▶ _Task objective_
The expected answer is a copy of every line in the listing that has the word "board".

▶ _Provided data_

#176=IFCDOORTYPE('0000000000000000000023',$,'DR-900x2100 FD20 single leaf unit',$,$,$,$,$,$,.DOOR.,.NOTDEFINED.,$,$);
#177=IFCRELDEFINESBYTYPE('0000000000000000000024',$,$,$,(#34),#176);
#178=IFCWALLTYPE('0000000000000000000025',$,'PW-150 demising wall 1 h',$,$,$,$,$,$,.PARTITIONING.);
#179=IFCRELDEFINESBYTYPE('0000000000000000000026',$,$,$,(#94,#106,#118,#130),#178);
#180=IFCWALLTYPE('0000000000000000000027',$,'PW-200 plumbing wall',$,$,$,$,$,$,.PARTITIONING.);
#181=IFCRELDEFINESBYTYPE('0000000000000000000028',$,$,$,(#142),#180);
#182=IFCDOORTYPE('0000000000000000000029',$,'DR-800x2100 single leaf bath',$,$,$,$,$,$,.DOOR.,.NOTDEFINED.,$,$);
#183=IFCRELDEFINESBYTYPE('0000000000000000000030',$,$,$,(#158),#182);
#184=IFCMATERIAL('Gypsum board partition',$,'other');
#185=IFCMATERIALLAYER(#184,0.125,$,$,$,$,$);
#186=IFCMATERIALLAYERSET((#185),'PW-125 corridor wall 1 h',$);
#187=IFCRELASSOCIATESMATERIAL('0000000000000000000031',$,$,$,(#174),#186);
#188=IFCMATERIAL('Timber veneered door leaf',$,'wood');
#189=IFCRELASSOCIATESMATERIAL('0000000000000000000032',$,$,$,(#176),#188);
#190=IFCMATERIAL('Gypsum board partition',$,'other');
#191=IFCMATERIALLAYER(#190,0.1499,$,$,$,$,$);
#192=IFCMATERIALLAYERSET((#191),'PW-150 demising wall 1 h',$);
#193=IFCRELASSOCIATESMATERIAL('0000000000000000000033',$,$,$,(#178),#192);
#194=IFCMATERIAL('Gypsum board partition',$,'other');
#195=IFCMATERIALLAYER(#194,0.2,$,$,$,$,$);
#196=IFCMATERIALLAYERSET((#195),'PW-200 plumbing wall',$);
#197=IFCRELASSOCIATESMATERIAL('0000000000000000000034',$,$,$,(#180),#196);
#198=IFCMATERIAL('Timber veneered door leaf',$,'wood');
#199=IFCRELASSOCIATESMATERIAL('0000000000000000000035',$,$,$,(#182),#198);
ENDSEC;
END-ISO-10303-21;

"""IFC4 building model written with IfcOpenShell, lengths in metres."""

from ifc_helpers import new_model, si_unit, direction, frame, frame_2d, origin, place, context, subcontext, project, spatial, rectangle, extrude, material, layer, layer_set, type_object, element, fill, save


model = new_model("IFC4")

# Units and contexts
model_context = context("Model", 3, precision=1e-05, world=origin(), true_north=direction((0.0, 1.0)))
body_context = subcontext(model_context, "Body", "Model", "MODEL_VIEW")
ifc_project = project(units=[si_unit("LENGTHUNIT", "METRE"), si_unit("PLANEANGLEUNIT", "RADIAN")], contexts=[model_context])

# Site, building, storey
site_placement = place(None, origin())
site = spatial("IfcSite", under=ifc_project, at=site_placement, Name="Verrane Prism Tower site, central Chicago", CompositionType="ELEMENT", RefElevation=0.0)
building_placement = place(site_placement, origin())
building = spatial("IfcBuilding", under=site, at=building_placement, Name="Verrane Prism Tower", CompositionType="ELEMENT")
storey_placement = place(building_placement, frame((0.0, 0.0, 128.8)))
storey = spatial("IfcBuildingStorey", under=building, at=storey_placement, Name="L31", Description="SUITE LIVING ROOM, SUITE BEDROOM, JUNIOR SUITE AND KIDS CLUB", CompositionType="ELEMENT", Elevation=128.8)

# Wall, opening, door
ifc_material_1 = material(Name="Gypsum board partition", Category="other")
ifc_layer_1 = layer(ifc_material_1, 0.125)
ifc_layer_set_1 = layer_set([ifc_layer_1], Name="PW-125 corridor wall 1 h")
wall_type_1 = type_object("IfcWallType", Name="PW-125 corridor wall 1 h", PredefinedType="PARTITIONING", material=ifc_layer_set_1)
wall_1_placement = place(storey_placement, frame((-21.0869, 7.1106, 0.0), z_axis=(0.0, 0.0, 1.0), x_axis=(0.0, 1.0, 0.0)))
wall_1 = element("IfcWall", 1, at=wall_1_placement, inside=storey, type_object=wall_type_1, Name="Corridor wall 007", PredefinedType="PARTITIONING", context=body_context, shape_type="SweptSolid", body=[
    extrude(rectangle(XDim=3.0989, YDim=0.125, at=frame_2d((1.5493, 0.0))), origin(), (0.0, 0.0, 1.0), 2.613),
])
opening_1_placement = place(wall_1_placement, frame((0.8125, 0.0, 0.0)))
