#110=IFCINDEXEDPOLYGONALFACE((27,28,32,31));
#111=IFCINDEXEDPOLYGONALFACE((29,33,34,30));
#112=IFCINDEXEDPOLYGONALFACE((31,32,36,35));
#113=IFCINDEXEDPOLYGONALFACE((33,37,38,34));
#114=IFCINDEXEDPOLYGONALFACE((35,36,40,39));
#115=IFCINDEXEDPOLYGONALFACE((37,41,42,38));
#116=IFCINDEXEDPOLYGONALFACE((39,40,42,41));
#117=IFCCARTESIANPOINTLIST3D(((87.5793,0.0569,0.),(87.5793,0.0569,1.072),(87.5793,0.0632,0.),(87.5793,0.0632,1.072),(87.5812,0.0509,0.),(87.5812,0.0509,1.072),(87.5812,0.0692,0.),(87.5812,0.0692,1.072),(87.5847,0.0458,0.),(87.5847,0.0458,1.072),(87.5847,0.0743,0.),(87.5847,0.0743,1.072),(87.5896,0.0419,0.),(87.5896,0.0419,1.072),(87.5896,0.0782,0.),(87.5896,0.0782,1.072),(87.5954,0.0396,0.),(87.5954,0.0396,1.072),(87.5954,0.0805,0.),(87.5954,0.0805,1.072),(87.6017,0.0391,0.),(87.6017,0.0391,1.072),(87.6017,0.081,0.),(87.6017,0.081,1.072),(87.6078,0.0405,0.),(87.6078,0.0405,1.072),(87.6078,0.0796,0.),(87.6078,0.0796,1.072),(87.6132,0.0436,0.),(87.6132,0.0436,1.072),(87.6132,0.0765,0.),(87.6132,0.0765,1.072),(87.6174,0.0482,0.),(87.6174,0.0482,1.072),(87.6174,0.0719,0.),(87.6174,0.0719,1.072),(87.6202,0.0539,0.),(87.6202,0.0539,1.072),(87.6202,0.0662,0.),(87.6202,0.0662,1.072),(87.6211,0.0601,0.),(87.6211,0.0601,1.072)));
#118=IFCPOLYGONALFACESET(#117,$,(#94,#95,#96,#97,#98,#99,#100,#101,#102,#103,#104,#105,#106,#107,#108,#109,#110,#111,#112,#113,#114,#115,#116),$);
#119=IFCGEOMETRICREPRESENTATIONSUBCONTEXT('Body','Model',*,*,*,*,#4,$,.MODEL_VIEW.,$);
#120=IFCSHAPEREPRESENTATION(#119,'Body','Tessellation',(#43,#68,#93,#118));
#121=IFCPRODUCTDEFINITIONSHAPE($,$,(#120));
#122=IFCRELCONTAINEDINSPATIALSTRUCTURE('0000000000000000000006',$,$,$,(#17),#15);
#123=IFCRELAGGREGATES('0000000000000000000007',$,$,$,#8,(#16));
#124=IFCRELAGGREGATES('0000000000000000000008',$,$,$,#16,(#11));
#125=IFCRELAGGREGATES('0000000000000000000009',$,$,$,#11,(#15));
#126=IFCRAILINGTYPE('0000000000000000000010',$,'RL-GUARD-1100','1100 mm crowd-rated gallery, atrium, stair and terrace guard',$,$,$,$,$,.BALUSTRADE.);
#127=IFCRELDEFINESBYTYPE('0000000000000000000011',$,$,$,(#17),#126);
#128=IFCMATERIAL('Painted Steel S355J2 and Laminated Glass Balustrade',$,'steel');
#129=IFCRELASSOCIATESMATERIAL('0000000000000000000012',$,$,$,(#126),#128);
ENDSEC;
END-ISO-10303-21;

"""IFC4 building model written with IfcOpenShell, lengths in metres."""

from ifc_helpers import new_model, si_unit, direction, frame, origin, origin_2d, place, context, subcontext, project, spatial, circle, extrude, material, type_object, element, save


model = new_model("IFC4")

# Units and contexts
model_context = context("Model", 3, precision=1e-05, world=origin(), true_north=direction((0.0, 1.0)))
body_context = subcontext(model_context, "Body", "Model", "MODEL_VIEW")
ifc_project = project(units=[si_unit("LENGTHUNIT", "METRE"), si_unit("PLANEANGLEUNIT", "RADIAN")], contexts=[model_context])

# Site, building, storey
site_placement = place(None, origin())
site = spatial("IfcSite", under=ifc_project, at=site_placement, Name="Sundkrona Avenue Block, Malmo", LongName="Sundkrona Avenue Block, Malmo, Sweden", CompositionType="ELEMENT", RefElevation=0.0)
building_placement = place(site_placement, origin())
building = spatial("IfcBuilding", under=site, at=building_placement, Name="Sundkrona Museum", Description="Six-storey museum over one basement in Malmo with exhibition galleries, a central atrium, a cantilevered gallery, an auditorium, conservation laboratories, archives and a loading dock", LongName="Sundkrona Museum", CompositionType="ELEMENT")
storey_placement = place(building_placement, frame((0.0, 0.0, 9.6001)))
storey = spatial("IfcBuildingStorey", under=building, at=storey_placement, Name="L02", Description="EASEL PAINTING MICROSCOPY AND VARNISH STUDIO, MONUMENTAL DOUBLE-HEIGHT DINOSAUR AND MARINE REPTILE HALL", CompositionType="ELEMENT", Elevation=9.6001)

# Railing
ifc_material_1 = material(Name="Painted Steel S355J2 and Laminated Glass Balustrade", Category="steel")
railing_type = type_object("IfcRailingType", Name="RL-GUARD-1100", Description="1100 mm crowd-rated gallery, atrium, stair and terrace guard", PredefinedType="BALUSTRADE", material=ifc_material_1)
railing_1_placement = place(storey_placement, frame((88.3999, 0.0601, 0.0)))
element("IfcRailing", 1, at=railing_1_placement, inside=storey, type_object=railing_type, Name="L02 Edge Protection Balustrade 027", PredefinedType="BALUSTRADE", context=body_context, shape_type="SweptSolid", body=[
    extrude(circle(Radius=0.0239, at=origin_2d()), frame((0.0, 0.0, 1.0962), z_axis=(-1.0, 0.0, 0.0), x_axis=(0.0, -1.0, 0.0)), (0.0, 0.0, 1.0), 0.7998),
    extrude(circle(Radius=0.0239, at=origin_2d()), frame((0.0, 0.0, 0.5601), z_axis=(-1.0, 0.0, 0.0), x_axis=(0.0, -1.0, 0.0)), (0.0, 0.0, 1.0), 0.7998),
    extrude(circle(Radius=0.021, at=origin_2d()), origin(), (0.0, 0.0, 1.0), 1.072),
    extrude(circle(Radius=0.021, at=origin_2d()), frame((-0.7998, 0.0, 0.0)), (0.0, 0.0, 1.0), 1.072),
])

▶ _Finished exercise_
#184=IFCMATERIAL('Gypsum board partition',$,'other');
#190=IFCMATERIAL('Gypsum board partition',$,'other');
#194=IFCMATERIAL('Gypsum board partition',$,'other');
ifc_material_1 = material(Name="Gypsum board partition", Category="other")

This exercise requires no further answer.